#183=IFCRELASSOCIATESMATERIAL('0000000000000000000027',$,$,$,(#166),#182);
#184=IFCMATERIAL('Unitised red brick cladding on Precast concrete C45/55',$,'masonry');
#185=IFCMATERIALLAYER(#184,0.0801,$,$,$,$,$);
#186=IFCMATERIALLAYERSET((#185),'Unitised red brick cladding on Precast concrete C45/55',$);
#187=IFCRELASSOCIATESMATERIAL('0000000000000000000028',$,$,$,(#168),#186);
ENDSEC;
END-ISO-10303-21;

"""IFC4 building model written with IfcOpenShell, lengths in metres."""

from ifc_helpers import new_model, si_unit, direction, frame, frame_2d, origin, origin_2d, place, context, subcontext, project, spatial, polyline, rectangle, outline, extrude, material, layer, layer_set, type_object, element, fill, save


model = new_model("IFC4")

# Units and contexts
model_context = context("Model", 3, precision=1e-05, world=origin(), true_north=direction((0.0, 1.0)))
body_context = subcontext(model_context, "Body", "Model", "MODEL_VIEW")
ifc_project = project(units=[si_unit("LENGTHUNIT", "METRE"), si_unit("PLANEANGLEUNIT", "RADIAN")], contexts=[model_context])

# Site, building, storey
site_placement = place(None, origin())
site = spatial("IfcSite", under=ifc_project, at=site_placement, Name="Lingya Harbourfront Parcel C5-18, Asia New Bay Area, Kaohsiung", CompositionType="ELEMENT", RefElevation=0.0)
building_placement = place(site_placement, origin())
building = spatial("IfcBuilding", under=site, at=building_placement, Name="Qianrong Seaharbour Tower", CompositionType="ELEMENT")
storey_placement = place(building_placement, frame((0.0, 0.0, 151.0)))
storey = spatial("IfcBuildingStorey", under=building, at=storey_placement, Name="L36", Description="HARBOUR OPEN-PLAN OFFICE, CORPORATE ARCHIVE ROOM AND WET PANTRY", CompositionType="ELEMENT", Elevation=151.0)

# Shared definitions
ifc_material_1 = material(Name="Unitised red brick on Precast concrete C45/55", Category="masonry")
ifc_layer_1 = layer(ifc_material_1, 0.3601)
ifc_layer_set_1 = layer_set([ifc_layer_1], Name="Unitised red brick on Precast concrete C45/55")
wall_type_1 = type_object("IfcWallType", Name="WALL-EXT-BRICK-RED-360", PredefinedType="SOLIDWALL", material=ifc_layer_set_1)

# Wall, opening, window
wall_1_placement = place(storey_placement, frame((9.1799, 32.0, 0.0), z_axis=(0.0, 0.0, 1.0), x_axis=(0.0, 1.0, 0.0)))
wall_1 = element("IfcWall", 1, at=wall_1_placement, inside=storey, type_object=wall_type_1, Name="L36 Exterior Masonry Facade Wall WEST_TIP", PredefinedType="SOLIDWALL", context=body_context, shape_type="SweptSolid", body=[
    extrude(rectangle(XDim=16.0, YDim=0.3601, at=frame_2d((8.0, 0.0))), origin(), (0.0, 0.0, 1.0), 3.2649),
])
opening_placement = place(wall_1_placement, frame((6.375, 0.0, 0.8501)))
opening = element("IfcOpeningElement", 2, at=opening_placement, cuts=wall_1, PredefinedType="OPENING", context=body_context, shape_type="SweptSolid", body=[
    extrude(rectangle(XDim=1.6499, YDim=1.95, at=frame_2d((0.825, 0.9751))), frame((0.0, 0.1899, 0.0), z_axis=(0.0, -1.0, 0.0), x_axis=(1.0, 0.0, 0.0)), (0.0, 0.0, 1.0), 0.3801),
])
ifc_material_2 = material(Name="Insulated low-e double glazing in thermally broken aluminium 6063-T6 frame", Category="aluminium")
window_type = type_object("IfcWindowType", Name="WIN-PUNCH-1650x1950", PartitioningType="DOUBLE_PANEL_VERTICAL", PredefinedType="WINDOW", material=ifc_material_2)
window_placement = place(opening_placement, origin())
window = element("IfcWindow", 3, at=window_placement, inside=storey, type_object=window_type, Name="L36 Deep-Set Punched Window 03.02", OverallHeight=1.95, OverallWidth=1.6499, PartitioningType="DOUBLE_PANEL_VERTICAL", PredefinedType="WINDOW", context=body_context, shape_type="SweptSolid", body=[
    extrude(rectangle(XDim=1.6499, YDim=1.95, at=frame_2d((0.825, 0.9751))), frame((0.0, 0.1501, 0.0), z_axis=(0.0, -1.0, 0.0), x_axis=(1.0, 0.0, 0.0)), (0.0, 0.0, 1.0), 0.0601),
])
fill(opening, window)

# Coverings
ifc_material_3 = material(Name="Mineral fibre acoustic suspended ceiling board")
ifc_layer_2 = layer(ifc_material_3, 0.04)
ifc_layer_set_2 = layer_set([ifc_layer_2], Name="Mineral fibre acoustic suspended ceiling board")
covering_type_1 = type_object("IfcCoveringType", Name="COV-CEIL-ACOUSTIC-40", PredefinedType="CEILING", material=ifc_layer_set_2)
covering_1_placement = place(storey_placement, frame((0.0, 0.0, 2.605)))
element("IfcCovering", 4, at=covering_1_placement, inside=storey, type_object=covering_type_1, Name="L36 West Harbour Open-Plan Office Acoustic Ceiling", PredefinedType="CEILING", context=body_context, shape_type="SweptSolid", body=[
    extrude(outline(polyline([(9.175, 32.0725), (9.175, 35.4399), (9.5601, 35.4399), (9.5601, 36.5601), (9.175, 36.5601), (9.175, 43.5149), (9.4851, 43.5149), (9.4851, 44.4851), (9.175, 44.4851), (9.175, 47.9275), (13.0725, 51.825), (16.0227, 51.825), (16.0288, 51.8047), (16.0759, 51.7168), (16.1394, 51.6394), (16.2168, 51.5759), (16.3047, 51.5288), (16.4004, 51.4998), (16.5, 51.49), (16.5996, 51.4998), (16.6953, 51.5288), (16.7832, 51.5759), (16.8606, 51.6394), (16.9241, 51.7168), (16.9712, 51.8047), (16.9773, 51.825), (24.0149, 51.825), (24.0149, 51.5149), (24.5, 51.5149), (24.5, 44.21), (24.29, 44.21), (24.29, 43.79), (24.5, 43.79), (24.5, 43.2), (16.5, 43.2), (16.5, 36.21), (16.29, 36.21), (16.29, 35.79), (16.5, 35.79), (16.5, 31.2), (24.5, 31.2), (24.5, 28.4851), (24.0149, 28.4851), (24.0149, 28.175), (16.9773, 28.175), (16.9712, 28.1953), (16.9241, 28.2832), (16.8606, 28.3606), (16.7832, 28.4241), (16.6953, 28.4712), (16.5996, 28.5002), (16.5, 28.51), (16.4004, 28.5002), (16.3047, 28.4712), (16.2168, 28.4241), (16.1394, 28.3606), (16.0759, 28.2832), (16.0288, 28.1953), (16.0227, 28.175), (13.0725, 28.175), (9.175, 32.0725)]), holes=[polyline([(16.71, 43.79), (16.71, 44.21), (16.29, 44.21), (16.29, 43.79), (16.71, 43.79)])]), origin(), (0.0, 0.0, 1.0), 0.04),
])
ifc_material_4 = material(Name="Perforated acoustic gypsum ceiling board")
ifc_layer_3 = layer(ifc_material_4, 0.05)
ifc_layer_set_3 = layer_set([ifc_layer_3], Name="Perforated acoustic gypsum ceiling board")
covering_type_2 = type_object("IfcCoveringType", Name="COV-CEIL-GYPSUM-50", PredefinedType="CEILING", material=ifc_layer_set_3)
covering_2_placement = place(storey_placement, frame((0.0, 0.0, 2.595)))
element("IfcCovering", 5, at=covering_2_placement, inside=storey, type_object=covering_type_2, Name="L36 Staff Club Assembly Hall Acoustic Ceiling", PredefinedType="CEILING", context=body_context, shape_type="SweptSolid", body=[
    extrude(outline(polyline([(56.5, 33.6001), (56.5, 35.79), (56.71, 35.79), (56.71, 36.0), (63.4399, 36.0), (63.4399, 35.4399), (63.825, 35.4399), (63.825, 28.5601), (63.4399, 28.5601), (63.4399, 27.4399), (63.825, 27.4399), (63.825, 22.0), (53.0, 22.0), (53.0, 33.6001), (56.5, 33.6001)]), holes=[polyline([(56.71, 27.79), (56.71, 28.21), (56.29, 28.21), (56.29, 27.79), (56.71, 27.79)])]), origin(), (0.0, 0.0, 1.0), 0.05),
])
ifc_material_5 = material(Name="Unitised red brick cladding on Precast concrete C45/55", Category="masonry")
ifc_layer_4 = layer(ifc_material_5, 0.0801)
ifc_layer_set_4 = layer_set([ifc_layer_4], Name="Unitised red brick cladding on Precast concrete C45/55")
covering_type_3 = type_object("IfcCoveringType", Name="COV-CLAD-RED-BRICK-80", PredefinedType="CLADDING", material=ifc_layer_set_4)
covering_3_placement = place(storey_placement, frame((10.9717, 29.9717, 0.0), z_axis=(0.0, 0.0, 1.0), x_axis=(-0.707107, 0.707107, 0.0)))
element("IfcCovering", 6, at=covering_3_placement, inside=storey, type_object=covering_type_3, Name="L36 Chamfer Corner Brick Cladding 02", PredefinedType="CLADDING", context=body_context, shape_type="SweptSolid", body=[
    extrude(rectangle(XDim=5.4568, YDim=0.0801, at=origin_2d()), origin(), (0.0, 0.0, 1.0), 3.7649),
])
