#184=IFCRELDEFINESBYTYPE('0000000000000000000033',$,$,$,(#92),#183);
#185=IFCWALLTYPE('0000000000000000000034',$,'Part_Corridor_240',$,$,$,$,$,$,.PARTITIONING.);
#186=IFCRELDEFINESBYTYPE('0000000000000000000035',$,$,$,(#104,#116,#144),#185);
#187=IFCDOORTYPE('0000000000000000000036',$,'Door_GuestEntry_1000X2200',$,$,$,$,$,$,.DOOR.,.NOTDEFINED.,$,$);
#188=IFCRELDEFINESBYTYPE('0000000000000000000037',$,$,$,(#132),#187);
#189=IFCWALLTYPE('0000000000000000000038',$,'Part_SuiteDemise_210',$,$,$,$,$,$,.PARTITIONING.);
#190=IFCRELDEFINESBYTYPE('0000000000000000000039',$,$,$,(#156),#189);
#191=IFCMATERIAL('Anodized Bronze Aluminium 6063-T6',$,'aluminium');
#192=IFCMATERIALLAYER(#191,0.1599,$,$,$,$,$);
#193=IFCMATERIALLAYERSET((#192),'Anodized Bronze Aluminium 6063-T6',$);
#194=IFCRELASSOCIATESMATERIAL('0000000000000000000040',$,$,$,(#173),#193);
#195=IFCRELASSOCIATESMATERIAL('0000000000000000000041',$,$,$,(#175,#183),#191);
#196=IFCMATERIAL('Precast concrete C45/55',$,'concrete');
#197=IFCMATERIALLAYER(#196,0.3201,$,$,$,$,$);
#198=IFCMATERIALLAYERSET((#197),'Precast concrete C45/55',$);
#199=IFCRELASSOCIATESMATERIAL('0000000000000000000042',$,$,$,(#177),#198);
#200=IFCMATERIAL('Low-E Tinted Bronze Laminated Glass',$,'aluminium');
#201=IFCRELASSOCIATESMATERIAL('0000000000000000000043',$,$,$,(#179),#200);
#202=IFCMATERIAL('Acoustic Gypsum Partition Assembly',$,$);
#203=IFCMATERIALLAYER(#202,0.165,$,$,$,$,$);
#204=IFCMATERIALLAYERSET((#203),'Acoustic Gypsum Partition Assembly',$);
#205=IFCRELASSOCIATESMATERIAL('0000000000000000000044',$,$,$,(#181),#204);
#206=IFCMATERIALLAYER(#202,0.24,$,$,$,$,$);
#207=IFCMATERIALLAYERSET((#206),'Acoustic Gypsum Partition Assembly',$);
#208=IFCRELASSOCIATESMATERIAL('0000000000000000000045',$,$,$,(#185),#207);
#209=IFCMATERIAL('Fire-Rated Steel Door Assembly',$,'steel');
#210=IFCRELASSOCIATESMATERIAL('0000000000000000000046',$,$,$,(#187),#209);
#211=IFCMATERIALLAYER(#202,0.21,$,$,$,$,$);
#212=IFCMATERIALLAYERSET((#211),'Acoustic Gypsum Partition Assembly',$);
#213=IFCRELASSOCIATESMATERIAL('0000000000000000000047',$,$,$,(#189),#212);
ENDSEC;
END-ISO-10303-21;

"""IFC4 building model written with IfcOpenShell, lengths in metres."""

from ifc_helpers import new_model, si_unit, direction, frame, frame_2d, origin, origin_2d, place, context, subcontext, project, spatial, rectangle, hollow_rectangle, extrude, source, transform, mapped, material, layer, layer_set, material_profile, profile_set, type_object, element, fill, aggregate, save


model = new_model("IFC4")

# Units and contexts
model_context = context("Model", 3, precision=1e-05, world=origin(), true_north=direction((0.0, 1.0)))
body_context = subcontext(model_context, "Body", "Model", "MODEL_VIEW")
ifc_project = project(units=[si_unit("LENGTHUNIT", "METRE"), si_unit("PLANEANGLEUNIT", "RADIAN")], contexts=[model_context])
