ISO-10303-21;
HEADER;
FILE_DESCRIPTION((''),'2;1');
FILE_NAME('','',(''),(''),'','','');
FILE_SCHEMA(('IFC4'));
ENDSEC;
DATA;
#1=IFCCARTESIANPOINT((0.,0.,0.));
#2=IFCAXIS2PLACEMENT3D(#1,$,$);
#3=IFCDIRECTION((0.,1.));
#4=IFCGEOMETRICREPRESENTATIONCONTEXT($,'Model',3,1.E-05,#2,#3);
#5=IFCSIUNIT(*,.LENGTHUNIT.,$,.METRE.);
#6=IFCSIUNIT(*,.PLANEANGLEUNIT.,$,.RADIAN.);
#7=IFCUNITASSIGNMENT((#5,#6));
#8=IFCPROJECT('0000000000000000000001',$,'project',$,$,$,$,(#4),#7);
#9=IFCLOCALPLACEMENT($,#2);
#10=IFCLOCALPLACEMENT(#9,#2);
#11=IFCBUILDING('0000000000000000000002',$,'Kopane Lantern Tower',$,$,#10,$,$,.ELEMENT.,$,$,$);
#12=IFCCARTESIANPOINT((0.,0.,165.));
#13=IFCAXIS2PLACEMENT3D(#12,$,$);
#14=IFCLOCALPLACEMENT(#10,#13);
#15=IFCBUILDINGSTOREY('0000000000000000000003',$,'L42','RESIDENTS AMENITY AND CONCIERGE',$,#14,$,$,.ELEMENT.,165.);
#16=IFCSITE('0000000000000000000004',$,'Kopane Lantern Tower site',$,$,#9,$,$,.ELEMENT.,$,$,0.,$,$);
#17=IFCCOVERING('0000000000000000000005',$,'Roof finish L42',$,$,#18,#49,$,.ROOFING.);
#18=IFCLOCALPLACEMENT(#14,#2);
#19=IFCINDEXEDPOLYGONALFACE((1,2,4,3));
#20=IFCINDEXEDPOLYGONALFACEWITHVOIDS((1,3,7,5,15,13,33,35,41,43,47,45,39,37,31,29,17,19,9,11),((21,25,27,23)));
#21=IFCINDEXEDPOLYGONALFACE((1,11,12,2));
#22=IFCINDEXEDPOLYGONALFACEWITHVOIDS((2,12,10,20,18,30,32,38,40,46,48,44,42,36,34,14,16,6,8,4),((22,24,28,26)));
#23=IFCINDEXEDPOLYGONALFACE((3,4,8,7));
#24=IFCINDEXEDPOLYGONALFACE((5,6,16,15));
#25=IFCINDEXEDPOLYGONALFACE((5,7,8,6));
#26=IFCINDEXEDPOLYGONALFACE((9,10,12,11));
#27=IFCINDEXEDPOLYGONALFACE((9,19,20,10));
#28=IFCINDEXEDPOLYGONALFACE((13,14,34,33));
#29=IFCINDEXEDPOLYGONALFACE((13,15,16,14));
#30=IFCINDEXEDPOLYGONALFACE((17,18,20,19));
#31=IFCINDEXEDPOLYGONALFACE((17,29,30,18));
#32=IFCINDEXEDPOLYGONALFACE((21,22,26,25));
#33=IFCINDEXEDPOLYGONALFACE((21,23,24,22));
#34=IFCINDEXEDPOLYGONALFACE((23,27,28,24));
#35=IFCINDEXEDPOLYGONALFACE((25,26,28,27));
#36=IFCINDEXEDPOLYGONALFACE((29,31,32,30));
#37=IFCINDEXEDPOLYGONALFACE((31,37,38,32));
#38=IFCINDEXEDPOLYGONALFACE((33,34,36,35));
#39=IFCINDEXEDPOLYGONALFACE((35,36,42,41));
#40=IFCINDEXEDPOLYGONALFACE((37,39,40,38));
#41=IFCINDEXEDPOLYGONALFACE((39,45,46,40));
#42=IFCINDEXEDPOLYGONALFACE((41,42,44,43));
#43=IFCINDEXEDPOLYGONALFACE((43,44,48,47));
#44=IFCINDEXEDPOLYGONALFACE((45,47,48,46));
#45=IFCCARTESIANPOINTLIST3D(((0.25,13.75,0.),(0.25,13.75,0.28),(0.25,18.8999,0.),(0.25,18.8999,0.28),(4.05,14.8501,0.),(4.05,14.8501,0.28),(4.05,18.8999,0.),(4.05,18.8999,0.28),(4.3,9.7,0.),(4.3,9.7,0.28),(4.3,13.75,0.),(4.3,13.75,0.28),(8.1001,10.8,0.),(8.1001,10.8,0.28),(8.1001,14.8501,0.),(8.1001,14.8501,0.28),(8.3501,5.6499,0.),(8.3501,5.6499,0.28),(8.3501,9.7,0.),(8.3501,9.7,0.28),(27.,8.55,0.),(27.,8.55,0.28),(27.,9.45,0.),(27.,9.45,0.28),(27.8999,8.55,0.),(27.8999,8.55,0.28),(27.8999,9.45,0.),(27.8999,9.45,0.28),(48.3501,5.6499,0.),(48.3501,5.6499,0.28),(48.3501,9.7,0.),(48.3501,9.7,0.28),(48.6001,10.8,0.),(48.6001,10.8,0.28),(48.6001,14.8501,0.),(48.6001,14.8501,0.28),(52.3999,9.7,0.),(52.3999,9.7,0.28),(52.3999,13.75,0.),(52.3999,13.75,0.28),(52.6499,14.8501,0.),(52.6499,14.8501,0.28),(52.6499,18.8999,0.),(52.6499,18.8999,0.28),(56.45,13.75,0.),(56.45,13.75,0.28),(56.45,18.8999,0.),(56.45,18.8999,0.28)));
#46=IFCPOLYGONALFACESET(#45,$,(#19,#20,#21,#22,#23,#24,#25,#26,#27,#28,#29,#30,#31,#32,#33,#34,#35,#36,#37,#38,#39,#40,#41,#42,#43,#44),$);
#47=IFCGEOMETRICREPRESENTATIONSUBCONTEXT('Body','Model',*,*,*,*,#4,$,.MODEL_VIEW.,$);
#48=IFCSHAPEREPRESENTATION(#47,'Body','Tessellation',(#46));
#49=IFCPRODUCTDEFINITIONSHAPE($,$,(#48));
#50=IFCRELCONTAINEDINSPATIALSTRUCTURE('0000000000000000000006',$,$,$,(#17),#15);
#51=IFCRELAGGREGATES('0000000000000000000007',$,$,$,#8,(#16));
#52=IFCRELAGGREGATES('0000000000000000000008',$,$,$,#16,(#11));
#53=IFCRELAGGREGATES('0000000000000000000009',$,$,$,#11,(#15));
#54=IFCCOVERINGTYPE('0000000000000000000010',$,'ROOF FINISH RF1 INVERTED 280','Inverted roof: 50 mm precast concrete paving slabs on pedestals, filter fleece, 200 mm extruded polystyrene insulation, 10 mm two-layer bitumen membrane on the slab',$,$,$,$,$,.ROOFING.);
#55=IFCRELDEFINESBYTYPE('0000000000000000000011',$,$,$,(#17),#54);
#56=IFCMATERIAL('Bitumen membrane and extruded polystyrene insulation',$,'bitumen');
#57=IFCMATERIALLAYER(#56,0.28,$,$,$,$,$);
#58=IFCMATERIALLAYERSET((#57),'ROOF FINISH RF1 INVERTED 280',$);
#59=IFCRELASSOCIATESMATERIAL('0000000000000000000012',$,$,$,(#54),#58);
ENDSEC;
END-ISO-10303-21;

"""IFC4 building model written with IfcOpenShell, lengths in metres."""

from ifc_helpers import new_model, si_unit, direction, frame, origin, place, context, subcontext, project, spatial, polyline, outline, extrude, material, layer, layer_set, type_object, element, save


model = new_model("IFC4")

# Units and contexts
model_context = context("Model", 3, precision=1e-05, world=origin(), true_north=direction((0.0, 1.0)))
body_context = subcontext(model_context, "Body", "Model", "MODEL_VIEW")
ifc_project = project(units=[si_unit("LENGTHUNIT", "METRE"), si_unit("PLANEANGLEUNIT", "RADIAN")], contexts=[model_context])

# Site, building, storey
site_placement = place(None, origin())
site = spatial("IfcSite", under=ifc_project, at=site_placement, Name="Kopane Lantern Tower site", CompositionType="ELEMENT", RefElevation=0.0)
building_placement = place(site_placement, origin())
building = spatial("IfcBuilding", under=site, at=building_placement, Name="Kopane Lantern Tower", CompositionType="ELEMENT")
storey_placement = place(building_placement, frame((0.0, 0.0, 165.0)))
storey = spatial("IfcBuildingStorey", under=building, at=storey_placement, Name="L42", Description="RESIDENTS AMENITY AND CONCIERGE", CompositionType="ELEMENT", Elevation=165.0)

# Covering
ifc_material_1 = material(Name="Bitumen membrane and extruded polystyrene insulation", Category="bitumen")
ifc_layer_1 = layer(ifc_material_1, 0.28)
ifc_layer_set_1 = layer_set([ifc_layer_1], Name="ROOF FINISH RF1 INVERTED 280")
covering_type = type_object("IfcCoveringType", Name="ROOF FINISH RF1 INVERTED 280", Description="Inverted roof: 50 mm precast concrete paving slabs on pedestals, filter fleece, 200 mm extruded polystyrene insulation, 10 mm two-layer bitumen membrane on the slab", PredefinedType="ROOFING", material=ifc_layer_set_1)
covering_placement = place(storey_placement, origin())
element("IfcCovering", 1, at=covering_placement, inside=storey, type_object=covering_type, Name="Roof finish L42", PredefinedType="ROOFING", context=body_context, shape_type="SweptSolid", body=[
    extrude(outline(polyline([(4.05, 18.8999), (0.25, 18.8999), (0.25, 13.75), (4.3, 13.75), (4.3, 9.7), (8.3501, 9.7), (8.3501, 5.6499), (48.3501, 5.6499), (48.3501, 9.7), (52.3999, 9.7), (52.3999, 13.75), (56.45, 13.75), (56.45, 18.8999), (52.6499, 18.8999), (52.6499, 14.8501), (48.6001, 14.8501), (48.6001, 10.8), (8.1001, 10.8), (8.1001, 14.8501), (4.05, 14.8501), (4.05, 18.8999)]), holes=[polyline([(27.8999, 9.45), (27.8999, 8.55), (27.0, 8.55), (27.0, 9.45), (27.8999, 9.45)])]), origin(), (0.0, 0.0, 1.0), 0.28),
])

save(model, "model.ifc")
______________________________
BRIEF: Bring together each line above where the string "Anodized" turns up.

SOLUTION TO THIS TASK:
#191=IFCMATERIAL('Anodized Bronze Aluminium 6063-T6',$,'aluminium');
#193=IFCMATERIALLAYERSET((#192),'Anodized Bronze Aluminium 6063-T6',$);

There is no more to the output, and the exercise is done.